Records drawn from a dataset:
....................

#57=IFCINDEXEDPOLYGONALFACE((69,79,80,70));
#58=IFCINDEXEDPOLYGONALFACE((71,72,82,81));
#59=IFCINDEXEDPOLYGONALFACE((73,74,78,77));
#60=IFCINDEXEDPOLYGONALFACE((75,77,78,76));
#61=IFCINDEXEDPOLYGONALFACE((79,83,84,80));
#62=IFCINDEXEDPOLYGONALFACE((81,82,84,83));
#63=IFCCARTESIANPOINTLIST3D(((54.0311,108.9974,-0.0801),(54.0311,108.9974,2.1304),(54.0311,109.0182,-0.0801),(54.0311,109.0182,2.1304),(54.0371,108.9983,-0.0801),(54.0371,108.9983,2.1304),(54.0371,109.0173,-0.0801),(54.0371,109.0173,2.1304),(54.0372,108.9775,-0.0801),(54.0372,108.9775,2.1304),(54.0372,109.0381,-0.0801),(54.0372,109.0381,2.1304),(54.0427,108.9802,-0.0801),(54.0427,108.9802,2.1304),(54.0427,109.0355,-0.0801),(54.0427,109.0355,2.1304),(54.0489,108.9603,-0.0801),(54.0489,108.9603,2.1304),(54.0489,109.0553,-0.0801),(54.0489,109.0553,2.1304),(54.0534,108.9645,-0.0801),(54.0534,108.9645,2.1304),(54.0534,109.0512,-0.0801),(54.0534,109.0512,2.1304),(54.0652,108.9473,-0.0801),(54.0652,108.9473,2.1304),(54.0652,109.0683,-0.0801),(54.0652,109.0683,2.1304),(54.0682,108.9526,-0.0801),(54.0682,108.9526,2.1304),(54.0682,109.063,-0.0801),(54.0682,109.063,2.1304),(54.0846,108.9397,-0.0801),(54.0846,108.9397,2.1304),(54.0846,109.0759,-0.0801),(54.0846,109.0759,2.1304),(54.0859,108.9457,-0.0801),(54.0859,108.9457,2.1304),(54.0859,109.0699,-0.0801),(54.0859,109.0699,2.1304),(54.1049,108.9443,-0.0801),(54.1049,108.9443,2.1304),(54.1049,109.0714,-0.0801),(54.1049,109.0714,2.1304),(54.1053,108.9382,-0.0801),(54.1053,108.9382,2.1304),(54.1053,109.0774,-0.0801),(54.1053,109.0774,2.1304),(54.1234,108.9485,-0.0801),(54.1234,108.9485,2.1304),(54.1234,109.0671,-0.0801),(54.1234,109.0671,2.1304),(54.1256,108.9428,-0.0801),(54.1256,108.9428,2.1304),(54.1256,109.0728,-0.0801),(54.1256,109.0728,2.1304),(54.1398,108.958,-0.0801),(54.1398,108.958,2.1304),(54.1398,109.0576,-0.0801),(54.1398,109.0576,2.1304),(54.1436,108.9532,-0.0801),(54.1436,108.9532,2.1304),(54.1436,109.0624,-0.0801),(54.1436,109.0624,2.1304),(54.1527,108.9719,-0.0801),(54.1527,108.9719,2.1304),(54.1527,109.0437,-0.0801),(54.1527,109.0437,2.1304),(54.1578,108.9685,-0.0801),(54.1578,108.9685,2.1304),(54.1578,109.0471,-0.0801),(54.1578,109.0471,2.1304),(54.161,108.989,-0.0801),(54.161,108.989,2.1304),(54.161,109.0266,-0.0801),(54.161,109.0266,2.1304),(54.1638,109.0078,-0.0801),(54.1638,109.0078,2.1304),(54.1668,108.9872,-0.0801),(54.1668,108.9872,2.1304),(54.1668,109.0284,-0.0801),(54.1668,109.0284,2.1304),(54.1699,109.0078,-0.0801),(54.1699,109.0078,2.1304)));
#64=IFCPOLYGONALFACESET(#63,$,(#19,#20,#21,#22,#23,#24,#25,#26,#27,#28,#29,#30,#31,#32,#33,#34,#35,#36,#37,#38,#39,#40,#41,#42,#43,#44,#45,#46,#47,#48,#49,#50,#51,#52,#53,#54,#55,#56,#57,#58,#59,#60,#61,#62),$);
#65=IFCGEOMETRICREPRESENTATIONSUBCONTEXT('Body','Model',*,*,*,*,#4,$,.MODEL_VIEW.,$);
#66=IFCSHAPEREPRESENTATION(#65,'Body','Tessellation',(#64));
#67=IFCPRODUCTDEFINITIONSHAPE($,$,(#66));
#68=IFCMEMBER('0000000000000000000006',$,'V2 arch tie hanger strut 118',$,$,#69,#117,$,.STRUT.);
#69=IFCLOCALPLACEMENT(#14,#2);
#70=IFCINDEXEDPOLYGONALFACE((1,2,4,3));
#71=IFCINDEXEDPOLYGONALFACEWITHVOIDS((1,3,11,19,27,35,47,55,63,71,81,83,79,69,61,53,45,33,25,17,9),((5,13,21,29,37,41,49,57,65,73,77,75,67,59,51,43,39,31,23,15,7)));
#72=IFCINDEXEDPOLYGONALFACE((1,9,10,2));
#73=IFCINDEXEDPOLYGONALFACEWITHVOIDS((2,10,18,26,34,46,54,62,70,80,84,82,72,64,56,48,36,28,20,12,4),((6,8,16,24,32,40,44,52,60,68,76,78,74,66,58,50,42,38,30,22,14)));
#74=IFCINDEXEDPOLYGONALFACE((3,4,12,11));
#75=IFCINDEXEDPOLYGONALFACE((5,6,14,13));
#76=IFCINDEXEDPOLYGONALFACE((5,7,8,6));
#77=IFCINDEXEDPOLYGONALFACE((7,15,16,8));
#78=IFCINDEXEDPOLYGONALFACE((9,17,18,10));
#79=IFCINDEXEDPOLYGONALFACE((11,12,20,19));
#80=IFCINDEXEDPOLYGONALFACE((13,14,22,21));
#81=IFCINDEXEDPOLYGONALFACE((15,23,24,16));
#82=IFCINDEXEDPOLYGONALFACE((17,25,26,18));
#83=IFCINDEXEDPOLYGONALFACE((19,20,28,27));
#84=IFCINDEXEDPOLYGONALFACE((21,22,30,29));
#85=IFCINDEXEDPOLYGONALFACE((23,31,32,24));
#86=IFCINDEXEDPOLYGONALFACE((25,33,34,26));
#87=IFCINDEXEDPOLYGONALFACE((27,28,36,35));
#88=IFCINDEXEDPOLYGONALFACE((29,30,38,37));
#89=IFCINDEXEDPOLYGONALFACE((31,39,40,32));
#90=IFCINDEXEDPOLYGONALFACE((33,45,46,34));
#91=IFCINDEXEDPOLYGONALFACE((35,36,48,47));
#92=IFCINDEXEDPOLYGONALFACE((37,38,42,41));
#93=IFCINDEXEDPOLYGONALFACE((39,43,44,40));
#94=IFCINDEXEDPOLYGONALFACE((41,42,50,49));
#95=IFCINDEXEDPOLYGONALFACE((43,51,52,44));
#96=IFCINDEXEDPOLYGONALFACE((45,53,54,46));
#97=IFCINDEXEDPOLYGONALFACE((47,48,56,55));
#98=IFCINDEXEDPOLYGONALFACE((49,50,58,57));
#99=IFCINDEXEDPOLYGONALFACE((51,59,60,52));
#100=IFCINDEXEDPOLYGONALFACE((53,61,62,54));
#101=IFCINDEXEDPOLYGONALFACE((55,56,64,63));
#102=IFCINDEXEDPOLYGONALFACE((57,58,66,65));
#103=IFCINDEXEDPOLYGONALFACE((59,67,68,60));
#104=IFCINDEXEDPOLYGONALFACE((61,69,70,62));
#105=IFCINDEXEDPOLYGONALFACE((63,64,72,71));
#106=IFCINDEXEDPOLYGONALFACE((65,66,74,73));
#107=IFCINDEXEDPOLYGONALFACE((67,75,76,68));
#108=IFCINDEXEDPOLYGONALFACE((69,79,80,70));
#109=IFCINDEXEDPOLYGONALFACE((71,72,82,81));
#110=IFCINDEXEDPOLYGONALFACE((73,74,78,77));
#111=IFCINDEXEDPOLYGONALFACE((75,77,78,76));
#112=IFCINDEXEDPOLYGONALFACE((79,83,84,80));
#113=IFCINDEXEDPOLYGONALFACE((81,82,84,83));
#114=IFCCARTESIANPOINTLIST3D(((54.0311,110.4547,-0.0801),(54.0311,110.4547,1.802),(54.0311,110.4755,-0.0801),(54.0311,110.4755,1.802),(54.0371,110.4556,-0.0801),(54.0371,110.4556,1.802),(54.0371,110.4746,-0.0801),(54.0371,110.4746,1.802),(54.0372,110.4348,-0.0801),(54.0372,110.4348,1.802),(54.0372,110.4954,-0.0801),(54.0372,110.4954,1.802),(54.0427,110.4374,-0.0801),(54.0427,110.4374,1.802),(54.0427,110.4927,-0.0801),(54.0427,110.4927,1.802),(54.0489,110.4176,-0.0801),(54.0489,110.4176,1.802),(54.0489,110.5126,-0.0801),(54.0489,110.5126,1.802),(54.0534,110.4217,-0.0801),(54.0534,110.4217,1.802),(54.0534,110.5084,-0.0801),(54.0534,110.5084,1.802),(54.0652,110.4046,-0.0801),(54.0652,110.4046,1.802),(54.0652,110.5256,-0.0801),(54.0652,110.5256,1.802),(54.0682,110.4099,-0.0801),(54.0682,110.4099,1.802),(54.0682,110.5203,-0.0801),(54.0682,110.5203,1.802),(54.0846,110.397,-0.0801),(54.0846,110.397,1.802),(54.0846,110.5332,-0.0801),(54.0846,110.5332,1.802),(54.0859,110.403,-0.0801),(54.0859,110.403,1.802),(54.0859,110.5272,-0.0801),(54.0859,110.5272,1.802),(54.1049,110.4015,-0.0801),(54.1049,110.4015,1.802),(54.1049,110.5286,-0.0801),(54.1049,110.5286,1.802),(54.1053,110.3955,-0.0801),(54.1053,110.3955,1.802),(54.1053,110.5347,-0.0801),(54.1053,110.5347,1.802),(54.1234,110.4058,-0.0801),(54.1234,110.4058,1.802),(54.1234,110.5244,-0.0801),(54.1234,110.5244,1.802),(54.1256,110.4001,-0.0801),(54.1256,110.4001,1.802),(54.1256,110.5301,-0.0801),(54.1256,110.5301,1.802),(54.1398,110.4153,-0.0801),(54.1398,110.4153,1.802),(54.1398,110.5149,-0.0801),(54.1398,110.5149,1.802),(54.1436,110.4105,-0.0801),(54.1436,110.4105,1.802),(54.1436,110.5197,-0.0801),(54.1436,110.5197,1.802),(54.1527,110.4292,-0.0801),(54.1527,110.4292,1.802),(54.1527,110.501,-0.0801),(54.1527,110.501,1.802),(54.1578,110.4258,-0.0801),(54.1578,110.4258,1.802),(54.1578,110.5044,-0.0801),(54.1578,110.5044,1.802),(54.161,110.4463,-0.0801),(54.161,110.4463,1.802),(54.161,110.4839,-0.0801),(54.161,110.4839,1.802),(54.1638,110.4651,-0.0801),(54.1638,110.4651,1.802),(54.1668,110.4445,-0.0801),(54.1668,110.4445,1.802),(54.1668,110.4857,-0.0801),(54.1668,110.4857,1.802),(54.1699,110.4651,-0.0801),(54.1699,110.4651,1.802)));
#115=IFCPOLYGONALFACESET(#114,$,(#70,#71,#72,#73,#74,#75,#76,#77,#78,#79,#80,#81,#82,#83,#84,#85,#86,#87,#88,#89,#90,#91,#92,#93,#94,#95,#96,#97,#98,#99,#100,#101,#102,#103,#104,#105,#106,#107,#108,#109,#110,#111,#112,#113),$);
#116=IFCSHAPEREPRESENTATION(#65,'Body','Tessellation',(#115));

....................

- _Task goal_: What is needed is a copy of every line above in which "Body" appears.

- _Answer to this exercise_:
#65=IFCGEOMETRICREPRESENTATIONSUBCONTEXT('Body','Model',*,*,*,*,#4,$,.MODEL_VIEW.,$);
#66=IFCSHAPEREPRESENTATION(#65,'Body','Tessellation',(#64));
#116=IFCSHAPEREPRESENTATION(#65,'Body','Tessellation',(#115));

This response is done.